◆ What the task requires
Wherever the word "YDim" appears in a line below, that line counts; report the total number of such lines only.

(Collected data)
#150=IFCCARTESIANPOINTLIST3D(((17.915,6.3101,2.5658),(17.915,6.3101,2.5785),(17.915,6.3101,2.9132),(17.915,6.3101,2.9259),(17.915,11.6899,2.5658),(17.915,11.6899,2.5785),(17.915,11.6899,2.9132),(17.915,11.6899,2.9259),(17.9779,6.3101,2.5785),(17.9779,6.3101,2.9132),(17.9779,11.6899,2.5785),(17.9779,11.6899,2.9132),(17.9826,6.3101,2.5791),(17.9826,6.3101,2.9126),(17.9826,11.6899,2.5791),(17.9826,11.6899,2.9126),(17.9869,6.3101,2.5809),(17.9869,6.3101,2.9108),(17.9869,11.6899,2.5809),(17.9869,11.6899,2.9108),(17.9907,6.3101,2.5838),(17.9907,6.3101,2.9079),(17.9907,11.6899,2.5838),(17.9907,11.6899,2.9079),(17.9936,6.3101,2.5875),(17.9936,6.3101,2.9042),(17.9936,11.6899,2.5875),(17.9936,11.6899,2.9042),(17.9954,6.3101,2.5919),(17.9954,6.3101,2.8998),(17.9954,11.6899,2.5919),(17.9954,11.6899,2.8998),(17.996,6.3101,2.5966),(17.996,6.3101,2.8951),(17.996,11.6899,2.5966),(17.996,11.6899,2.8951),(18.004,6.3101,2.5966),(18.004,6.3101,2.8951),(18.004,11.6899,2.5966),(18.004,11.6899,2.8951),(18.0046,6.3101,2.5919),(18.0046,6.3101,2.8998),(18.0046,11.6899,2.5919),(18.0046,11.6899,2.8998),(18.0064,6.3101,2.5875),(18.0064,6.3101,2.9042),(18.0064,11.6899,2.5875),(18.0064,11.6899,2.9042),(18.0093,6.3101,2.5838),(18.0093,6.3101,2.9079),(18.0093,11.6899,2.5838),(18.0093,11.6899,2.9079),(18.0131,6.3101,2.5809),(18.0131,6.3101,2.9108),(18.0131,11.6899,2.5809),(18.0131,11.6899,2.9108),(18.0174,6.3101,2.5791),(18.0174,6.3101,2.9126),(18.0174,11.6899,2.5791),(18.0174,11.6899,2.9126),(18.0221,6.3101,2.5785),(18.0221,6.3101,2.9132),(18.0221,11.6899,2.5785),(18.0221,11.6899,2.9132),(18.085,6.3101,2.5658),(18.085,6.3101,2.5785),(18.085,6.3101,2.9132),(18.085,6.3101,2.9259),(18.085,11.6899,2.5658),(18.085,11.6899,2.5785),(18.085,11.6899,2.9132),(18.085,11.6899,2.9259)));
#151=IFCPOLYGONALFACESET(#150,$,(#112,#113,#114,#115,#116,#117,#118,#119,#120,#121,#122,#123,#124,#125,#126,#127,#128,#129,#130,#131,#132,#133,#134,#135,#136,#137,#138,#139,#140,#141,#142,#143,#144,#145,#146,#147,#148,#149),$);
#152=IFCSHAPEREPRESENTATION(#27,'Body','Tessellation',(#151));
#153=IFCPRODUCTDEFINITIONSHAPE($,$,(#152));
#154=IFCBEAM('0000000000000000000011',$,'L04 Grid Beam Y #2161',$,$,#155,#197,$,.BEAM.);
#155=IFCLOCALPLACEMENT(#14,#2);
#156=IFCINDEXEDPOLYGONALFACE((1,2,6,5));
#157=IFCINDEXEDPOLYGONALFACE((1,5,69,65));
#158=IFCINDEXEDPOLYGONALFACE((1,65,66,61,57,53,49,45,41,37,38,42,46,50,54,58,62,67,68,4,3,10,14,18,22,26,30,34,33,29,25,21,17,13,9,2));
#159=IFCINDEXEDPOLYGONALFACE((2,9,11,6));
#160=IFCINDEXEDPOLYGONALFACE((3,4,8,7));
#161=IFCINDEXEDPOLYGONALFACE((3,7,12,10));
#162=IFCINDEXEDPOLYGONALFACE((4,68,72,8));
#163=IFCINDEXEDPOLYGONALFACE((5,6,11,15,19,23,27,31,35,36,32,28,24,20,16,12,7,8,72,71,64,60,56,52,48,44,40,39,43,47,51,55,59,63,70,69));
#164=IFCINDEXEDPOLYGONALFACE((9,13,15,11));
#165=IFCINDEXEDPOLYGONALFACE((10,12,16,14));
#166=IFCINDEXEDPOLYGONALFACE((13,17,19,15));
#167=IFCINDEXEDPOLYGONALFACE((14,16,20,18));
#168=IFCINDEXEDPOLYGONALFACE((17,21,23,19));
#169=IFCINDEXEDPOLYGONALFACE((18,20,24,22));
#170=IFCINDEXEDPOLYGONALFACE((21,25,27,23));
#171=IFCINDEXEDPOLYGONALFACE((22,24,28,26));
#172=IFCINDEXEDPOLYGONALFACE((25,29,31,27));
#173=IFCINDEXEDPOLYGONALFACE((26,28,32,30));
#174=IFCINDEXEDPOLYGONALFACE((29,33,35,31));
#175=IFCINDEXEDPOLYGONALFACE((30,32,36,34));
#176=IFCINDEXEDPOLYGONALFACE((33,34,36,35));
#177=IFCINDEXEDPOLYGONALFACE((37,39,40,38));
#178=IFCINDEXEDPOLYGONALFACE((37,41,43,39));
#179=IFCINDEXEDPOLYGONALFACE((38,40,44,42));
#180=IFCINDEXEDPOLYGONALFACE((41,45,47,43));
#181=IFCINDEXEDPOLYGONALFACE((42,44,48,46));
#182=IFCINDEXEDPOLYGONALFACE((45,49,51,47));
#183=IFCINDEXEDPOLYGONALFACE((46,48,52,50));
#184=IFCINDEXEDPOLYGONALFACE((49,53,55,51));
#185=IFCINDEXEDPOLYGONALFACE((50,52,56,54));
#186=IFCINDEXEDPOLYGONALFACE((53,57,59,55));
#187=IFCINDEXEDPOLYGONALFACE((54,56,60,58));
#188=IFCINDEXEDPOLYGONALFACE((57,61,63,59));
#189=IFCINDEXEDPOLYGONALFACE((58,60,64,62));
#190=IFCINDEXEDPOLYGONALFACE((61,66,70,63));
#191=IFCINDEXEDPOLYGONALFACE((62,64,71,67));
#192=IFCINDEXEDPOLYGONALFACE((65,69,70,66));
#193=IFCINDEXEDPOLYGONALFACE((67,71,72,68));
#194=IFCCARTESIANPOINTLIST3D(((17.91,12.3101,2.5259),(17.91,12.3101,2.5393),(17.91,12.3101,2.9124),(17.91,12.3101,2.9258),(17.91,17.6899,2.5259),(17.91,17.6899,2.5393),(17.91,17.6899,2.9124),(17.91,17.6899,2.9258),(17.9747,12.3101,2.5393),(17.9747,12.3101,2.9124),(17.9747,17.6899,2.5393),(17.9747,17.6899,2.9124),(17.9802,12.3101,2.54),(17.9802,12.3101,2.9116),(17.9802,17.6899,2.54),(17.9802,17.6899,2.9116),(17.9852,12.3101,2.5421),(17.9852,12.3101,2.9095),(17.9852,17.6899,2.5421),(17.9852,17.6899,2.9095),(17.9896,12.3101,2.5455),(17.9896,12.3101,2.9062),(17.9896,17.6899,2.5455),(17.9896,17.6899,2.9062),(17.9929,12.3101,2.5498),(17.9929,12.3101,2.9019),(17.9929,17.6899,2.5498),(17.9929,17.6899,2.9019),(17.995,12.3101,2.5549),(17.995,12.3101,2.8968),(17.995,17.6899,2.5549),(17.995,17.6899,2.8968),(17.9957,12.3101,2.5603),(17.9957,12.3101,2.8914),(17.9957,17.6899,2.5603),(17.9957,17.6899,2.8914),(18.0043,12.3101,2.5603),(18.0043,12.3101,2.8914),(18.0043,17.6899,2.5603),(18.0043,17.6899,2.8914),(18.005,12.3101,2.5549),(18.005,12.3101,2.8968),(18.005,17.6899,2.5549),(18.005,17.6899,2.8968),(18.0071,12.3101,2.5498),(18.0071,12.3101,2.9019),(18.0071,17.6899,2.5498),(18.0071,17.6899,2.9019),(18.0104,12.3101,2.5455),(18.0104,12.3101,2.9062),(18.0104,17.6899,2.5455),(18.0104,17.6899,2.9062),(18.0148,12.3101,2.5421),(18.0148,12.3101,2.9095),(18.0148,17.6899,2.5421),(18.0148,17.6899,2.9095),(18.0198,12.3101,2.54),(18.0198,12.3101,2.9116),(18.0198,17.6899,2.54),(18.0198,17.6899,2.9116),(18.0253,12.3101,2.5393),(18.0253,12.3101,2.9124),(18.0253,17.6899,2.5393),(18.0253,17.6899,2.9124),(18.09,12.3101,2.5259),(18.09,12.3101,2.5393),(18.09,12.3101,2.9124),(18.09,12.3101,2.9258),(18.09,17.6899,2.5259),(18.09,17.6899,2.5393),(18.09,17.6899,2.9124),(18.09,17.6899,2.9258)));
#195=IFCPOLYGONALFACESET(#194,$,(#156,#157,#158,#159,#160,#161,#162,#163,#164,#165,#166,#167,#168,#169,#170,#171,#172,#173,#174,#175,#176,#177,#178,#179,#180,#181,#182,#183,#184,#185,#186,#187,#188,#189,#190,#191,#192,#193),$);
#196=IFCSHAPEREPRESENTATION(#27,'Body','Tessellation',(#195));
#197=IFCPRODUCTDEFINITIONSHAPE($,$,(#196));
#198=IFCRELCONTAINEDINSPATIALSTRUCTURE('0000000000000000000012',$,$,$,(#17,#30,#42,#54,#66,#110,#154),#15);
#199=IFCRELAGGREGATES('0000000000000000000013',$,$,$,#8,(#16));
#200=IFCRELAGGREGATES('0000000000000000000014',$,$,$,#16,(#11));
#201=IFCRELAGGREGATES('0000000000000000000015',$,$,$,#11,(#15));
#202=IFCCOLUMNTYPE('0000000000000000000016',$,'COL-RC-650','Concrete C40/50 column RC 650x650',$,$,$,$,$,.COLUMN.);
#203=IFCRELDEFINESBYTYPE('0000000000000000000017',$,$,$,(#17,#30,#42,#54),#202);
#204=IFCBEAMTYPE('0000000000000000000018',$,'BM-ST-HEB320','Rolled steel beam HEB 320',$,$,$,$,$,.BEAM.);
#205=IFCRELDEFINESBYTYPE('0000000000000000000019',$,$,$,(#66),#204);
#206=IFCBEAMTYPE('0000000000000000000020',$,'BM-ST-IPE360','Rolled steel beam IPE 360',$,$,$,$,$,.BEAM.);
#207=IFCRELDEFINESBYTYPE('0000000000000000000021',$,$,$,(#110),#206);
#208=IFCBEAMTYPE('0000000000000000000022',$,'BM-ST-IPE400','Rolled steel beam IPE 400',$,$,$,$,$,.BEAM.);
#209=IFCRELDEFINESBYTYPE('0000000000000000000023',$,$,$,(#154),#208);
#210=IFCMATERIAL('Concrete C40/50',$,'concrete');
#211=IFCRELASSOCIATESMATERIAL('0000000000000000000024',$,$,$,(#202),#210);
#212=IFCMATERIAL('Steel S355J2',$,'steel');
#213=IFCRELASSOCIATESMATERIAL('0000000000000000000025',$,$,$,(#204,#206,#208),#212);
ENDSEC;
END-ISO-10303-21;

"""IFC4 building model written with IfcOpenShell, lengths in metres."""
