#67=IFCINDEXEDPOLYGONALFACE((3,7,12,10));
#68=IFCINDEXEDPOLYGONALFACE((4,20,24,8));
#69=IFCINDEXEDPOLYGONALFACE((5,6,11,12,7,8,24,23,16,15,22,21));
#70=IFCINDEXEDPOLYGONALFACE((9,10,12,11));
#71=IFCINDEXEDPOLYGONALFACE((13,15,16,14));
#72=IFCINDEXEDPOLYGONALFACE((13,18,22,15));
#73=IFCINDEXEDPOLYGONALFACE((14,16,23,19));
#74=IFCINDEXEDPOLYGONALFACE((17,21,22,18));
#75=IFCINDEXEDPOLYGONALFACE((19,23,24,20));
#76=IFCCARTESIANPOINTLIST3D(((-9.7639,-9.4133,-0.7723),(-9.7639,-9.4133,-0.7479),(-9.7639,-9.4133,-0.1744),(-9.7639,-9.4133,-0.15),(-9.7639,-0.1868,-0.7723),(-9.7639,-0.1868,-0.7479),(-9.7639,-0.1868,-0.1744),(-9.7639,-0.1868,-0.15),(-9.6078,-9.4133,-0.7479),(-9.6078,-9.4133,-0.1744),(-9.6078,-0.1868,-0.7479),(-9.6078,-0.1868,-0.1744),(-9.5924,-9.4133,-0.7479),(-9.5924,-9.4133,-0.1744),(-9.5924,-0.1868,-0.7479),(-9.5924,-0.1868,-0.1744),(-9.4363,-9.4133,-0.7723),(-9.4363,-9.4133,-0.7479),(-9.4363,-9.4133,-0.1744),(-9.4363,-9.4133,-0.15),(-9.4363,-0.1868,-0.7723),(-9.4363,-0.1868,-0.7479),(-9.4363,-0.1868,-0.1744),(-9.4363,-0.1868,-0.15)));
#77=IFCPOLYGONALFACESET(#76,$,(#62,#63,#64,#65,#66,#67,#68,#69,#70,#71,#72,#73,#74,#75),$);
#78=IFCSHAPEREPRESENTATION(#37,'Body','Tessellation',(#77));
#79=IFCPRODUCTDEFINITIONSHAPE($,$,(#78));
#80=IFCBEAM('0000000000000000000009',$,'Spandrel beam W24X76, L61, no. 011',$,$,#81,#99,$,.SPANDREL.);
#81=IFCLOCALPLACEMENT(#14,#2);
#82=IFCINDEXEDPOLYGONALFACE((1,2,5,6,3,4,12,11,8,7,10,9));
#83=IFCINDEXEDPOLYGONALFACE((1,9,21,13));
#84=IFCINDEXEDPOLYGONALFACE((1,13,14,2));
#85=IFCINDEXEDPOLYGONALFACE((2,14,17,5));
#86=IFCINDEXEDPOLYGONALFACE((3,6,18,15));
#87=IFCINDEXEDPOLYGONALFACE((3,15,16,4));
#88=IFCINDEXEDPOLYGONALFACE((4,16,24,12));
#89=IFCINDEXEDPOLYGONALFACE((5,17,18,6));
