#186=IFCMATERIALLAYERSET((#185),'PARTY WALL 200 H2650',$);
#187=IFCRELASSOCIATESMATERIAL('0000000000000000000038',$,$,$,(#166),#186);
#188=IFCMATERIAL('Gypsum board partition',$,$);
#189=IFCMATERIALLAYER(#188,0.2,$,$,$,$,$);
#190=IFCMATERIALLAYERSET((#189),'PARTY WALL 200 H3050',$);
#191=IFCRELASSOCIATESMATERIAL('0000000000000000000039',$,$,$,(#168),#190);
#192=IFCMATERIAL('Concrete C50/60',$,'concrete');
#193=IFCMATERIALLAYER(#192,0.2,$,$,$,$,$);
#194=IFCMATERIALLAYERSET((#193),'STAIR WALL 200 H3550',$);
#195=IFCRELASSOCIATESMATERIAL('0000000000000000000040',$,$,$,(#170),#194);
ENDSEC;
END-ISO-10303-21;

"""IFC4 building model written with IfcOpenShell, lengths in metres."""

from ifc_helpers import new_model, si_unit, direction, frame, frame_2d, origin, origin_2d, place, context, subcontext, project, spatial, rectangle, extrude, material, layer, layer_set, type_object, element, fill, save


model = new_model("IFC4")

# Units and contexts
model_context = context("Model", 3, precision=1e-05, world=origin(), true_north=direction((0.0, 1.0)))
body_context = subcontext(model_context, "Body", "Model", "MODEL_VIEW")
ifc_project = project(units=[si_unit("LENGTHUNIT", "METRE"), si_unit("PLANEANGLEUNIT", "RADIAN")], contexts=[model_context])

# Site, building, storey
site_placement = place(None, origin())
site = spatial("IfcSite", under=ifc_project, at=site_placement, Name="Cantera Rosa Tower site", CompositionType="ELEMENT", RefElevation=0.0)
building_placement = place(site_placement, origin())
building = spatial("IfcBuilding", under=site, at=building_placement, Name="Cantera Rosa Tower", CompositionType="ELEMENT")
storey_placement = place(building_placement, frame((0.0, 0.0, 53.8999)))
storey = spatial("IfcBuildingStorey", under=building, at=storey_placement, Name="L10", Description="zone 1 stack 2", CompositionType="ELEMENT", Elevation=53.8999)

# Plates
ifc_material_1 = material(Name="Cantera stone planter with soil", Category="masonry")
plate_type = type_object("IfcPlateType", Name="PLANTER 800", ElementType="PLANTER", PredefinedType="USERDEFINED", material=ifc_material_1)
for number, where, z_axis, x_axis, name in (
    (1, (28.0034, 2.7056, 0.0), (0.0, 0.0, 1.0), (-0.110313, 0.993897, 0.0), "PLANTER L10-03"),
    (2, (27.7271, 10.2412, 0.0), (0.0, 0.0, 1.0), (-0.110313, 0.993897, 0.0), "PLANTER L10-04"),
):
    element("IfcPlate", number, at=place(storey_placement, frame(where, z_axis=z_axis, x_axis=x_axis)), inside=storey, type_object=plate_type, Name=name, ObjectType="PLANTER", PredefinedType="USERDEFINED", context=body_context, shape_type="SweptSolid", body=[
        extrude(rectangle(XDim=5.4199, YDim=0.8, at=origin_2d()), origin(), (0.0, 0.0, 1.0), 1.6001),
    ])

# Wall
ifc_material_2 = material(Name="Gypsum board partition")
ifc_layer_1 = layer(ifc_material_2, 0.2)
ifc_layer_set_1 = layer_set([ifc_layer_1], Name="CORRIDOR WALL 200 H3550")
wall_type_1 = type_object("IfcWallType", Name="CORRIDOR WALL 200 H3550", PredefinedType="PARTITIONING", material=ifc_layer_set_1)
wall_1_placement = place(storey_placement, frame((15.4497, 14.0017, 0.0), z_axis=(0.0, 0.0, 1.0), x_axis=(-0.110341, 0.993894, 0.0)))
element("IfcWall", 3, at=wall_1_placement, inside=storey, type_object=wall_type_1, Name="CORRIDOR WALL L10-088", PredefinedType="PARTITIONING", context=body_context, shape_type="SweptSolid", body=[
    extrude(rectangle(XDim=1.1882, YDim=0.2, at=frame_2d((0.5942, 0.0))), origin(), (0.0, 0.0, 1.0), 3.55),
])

◆ Solution to this problem
2